### [WHAT YOU ARE ASKED TO DO]
Would you please copy every line from the records that contains the word "IFCLOCALPLACEMENT"?

### [EXTRACTED MATERIAL]
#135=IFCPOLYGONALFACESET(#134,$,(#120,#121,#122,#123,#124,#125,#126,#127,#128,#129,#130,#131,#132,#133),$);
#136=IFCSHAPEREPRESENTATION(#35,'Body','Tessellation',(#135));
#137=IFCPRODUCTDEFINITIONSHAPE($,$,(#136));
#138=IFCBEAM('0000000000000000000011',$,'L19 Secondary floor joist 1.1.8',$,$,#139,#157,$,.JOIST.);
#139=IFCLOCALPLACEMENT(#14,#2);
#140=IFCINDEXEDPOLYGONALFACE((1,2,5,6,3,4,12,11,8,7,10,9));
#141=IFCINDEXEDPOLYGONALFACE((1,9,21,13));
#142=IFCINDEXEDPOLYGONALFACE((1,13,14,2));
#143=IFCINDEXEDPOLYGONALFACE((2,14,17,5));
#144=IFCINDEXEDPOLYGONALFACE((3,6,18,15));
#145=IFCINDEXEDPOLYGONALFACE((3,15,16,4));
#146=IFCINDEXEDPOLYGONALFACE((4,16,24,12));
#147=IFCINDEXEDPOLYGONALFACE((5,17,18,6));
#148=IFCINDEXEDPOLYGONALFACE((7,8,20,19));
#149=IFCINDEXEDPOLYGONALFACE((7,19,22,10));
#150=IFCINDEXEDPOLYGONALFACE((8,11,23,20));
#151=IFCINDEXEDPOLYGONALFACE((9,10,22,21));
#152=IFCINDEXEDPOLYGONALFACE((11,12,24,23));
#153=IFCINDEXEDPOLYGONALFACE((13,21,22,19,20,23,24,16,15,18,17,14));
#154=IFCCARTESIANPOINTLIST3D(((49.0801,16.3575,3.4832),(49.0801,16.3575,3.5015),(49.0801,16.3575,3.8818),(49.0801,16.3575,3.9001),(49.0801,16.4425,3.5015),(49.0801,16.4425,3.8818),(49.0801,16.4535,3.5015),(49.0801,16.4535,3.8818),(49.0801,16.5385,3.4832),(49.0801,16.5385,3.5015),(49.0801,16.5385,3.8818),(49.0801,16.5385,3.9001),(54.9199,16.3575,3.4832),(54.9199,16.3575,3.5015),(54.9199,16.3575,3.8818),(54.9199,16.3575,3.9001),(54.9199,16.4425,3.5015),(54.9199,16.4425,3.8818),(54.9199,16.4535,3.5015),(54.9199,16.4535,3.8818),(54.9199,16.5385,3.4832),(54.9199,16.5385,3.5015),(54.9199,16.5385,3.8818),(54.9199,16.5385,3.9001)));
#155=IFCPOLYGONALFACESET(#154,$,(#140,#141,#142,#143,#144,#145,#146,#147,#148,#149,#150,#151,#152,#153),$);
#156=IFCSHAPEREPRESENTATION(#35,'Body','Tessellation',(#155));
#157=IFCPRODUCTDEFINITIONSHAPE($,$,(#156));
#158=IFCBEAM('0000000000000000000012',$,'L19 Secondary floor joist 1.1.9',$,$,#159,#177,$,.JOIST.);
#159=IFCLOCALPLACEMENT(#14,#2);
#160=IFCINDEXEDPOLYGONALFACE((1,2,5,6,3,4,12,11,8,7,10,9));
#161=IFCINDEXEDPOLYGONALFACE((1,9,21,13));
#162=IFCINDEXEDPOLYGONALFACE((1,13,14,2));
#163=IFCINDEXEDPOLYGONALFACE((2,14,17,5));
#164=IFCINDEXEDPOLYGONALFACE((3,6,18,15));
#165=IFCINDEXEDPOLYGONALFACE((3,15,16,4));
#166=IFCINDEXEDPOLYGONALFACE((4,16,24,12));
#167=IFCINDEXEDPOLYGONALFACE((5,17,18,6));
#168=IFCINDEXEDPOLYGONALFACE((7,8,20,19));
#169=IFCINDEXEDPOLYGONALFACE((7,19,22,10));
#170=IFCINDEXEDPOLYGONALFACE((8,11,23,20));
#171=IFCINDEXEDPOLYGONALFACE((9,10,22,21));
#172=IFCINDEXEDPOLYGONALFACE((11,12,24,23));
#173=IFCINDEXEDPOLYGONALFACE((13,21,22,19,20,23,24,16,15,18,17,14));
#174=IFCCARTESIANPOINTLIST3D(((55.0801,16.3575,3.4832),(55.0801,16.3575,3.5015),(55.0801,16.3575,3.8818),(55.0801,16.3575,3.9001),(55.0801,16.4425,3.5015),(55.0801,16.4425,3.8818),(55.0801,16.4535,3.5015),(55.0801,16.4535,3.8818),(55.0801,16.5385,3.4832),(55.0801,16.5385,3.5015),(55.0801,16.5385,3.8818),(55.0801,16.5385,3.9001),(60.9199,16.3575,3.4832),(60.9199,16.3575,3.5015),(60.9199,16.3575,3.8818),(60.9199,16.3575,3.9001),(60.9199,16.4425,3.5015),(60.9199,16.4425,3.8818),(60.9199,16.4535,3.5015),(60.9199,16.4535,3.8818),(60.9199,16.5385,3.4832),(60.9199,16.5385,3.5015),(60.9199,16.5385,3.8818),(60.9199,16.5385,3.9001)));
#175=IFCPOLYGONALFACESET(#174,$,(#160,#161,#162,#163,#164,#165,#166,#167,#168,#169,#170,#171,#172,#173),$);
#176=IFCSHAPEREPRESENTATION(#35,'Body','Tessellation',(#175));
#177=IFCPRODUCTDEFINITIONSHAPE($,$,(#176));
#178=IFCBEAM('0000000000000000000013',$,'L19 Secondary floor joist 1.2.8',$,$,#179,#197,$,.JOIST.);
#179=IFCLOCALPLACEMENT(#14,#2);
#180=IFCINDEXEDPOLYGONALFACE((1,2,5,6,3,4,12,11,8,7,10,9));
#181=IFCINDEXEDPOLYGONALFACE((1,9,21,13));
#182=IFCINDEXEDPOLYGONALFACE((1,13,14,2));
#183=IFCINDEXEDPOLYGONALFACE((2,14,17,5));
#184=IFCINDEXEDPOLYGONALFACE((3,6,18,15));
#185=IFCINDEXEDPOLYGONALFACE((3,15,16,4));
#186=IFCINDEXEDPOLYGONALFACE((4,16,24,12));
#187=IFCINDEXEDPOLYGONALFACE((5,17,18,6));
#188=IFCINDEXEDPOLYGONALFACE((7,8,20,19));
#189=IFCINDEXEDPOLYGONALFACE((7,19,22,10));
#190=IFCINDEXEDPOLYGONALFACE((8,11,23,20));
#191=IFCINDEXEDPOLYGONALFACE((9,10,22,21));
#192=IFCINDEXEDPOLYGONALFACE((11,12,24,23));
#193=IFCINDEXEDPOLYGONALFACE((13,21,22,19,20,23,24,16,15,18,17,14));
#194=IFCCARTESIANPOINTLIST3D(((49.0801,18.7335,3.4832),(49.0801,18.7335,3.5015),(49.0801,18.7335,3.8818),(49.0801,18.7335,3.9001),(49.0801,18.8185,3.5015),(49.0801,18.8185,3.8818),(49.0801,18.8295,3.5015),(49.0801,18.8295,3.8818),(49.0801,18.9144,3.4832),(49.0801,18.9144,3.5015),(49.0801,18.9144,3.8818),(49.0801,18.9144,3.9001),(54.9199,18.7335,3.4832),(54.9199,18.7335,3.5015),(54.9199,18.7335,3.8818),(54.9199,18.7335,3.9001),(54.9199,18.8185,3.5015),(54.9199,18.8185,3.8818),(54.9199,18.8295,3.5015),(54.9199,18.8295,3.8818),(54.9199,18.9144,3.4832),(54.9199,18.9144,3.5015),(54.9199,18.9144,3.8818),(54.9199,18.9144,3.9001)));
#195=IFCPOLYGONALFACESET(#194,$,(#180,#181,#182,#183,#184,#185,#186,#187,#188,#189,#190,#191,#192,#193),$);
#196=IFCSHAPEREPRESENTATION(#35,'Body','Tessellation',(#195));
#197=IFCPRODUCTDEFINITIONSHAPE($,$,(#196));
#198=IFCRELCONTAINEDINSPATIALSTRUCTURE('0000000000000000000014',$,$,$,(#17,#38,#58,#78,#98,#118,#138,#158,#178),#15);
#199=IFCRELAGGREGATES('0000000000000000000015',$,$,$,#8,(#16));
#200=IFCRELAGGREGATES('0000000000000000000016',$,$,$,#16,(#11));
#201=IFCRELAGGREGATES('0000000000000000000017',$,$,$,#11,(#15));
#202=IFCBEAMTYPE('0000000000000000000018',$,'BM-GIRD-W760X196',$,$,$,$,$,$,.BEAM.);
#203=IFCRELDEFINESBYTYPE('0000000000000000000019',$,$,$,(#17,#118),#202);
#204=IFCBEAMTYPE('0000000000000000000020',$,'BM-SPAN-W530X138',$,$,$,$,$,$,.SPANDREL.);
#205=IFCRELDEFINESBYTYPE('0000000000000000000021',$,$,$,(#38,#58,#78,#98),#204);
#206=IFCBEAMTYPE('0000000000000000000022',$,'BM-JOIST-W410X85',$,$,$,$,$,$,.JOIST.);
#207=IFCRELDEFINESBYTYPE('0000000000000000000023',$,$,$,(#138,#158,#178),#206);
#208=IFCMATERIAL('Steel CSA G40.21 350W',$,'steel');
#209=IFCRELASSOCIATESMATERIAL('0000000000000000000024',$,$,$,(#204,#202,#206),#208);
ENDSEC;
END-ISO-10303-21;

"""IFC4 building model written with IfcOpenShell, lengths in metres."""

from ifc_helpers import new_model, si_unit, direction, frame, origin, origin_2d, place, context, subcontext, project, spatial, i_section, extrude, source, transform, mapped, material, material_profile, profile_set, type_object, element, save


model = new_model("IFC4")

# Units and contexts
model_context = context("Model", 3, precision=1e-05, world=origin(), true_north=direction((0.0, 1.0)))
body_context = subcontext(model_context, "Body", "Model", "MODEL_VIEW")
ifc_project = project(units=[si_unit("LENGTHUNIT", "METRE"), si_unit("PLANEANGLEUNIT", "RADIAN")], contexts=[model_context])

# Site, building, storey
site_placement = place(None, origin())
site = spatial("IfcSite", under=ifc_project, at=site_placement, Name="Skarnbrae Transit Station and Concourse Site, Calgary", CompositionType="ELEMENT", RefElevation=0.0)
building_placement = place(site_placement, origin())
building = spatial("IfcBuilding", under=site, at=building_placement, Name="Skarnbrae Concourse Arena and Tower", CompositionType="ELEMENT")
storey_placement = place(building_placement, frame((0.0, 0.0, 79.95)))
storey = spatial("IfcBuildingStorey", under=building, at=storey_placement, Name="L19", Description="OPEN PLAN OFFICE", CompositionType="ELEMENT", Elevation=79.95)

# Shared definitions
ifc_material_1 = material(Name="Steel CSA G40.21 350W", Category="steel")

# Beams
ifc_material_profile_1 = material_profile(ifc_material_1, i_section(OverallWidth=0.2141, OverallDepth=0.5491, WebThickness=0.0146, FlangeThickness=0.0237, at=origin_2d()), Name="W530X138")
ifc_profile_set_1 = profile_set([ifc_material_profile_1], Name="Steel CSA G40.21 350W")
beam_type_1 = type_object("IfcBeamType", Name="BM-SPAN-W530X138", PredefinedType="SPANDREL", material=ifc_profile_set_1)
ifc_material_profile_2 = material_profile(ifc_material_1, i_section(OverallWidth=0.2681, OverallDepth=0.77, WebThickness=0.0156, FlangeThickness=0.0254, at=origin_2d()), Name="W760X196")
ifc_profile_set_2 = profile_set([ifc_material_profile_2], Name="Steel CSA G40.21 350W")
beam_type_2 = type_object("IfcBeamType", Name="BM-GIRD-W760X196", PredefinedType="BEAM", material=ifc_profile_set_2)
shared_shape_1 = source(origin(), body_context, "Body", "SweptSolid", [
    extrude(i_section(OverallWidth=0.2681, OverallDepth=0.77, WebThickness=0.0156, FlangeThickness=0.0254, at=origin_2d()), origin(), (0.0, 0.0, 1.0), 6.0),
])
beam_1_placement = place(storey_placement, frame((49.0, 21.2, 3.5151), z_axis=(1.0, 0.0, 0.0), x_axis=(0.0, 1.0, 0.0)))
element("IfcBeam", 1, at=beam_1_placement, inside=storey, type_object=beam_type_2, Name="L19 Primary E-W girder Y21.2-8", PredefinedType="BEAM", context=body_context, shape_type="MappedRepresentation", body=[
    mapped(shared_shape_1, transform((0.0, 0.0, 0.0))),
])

### [WRITTEN SOLUTION]
#139=IFCLOCALPLACEMENT(#14,#2);
#159=IFCLOCALPLACEMENT(#14,#2);
#179=IFCLOCALPLACEMENT(#14,#2);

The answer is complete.